● **Aim of the exercise**
Gather from the material every line that contains the string "IFCPOLYGONALFACESET".

● **Data for processing**
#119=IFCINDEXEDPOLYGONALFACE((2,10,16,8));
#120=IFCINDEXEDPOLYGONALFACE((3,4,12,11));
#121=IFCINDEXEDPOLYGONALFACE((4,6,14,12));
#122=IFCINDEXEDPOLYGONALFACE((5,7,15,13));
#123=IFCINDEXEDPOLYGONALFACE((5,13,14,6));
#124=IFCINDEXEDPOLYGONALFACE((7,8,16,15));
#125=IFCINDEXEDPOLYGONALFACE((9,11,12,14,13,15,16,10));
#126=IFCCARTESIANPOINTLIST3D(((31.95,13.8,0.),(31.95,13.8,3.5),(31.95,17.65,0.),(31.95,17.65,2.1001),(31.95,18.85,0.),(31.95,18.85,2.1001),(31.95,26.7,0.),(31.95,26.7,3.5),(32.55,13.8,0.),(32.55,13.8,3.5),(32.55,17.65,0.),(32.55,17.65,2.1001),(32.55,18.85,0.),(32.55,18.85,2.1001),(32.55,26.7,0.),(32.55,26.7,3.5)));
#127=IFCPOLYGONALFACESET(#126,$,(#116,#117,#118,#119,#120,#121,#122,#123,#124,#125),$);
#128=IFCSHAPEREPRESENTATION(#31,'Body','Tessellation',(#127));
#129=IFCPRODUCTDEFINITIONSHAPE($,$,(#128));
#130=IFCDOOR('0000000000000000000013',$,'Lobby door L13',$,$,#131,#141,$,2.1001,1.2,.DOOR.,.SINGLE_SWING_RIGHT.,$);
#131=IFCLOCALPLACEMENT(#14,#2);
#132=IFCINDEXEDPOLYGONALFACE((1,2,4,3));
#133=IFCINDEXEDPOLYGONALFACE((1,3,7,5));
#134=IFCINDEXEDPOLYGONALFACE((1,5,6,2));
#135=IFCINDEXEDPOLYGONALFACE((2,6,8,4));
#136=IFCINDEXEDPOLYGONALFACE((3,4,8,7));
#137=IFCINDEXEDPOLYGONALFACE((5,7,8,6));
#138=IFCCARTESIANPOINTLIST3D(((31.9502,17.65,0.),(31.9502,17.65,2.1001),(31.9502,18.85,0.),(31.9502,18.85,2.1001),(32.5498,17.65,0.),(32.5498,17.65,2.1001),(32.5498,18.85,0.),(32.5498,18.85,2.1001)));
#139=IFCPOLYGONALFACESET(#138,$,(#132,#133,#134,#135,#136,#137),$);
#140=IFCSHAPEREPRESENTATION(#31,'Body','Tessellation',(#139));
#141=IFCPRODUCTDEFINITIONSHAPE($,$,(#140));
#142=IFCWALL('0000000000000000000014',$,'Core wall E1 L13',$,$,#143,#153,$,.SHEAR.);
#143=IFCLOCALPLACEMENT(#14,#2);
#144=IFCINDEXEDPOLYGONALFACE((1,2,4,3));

● **Reply**
#127=IFCPOLYGONALFACESET(#126,$,(#116,#117,#118,#119,#120,#121,#122,#123,#124,#125),$);
#139=IFCPOLYGONALFACESET(#138,$,(#132,#133,#134,#135,#136,#137),$);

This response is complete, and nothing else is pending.